# About this exercise:
Below are some records; find each line that carries the word "BEAM" and copy it.

# Entries provided:
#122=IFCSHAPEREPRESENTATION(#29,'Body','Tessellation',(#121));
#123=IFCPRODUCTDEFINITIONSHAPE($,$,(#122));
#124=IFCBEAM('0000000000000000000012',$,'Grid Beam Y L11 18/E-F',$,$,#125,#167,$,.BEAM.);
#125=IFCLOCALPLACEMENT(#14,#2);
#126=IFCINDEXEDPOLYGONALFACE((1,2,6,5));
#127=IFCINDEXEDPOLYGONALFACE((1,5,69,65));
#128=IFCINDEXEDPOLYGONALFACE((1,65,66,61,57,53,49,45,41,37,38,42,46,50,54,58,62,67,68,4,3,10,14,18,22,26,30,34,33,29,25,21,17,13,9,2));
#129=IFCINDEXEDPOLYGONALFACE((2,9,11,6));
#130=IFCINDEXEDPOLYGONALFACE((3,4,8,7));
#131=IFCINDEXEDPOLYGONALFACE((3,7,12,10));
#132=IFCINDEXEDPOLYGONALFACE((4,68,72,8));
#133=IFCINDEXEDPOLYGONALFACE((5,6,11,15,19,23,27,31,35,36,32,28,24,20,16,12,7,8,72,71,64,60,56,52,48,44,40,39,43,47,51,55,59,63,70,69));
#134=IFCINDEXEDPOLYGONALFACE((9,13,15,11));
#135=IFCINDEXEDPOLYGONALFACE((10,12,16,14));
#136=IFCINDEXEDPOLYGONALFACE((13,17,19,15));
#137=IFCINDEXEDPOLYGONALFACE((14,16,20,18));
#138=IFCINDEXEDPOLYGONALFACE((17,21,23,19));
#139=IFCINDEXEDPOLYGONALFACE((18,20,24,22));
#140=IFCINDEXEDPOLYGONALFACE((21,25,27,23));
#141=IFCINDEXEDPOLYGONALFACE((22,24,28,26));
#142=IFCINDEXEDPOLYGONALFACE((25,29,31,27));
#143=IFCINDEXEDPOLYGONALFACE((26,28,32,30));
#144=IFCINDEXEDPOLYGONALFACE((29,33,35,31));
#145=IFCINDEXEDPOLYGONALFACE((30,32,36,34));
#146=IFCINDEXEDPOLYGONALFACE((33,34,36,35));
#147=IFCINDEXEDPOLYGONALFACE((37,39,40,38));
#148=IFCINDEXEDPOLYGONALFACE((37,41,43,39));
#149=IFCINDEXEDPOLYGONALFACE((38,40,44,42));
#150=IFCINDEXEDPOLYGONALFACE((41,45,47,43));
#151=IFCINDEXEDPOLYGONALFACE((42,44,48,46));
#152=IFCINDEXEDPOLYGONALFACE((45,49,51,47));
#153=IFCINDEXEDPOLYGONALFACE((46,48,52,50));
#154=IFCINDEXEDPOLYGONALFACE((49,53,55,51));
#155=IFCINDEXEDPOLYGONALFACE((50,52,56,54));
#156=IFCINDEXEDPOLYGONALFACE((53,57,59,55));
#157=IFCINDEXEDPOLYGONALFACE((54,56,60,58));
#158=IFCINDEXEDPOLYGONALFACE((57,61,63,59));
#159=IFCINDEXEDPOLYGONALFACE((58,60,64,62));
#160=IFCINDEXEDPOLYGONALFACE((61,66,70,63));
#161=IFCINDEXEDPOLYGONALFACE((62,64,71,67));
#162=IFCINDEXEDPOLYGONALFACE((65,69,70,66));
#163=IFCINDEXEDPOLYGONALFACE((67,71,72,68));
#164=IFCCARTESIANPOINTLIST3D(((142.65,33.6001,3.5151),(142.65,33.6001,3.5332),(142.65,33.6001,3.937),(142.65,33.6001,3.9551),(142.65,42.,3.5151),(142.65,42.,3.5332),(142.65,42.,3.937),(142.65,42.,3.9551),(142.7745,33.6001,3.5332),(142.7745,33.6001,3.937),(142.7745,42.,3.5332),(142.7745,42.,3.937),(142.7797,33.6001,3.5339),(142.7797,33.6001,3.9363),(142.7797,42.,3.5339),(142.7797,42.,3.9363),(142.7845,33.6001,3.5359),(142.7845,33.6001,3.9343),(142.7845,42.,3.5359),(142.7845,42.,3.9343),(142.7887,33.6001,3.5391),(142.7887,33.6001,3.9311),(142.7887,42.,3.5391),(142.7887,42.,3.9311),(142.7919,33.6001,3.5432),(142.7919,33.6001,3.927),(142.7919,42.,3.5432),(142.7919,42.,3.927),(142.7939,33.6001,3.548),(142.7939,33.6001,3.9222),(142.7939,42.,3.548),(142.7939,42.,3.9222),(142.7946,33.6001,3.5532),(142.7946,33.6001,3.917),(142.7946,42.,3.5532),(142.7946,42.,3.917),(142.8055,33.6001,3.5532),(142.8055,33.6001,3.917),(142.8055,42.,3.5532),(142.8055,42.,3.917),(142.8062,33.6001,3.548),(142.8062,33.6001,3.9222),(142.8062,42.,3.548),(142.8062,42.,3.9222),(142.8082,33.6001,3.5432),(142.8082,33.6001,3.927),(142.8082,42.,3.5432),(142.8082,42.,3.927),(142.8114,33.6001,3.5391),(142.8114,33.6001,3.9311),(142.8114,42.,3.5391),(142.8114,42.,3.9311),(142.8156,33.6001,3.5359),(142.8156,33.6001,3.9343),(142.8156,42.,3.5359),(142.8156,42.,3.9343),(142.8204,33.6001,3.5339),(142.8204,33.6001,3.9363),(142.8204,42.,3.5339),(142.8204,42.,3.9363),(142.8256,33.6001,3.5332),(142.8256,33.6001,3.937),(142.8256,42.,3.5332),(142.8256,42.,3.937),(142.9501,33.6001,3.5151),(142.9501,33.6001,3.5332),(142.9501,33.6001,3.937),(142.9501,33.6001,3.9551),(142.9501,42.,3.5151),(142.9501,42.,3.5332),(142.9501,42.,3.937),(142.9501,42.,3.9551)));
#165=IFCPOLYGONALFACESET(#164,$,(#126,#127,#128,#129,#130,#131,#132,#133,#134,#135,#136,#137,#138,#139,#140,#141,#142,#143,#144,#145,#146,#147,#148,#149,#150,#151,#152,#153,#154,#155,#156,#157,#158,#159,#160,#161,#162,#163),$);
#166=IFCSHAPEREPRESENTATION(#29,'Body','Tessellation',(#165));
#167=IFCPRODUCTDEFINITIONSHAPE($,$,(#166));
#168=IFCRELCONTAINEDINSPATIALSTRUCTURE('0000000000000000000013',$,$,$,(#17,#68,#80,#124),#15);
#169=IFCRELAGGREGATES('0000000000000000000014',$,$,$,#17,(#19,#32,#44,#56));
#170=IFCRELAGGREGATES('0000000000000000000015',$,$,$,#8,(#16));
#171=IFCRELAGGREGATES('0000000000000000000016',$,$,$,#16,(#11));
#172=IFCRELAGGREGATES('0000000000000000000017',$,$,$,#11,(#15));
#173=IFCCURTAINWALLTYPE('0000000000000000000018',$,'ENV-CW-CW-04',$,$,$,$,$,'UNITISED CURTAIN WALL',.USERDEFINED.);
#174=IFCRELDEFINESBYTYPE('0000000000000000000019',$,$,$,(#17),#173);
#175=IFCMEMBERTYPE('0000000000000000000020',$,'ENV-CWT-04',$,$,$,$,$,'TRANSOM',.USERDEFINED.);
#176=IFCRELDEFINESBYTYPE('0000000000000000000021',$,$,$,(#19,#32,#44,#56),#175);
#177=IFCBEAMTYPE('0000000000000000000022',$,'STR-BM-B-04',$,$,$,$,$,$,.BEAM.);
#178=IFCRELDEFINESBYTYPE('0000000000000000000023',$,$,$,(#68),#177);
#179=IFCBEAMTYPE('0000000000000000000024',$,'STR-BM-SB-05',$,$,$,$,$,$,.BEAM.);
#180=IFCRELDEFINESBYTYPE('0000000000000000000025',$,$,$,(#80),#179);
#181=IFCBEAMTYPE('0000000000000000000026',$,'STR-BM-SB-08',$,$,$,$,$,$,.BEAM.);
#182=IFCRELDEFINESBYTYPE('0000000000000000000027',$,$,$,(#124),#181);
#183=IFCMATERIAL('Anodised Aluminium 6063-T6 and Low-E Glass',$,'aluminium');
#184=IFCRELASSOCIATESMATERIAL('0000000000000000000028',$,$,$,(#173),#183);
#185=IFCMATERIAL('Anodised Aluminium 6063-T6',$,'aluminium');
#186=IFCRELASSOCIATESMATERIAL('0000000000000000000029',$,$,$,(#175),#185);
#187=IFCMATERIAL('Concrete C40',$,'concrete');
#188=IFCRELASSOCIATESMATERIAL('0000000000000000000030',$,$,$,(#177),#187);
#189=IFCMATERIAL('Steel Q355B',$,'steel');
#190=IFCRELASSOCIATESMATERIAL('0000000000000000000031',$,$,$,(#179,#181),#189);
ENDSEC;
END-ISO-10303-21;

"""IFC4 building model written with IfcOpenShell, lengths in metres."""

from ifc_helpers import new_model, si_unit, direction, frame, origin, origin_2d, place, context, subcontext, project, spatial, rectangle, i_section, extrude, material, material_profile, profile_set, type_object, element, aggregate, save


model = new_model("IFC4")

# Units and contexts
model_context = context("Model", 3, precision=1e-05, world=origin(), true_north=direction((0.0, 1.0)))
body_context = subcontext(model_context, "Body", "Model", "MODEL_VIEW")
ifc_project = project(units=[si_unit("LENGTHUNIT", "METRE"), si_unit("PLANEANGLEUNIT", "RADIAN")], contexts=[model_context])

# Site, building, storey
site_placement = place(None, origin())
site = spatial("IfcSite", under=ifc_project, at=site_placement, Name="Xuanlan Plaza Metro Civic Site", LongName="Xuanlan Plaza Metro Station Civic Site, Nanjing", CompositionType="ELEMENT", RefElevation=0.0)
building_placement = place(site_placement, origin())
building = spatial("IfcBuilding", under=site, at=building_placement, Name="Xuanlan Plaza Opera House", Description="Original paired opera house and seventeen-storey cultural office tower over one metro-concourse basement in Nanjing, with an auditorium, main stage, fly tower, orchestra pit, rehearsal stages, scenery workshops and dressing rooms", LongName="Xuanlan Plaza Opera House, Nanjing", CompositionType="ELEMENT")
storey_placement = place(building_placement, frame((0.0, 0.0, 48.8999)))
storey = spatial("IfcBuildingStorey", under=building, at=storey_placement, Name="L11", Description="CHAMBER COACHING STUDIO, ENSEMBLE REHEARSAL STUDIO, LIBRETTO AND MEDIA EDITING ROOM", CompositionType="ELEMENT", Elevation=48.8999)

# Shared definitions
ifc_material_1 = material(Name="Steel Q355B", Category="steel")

# Response box:
#124=IFCBEAM('0000000000000000000012',$,'Grid Beam Y L11 18/E-F',$,$,#125,#167,$,.BEAM.);
#177=IFCBEAMTYPE('0000000000000000000022',$,'STR-BM-B-04',$,$,$,$,$,$,.BEAM.);
#179=IFCBEAMTYPE('0000000000000000000024',$,'STR-BM-SB-05',$,$,$,$,$,$,.BEAM.);
#181=IFCBEAMTYPE('0000000000000000000026',$,'STR-BM-SB-08',$,$,$,$,$,$,.BEAM.);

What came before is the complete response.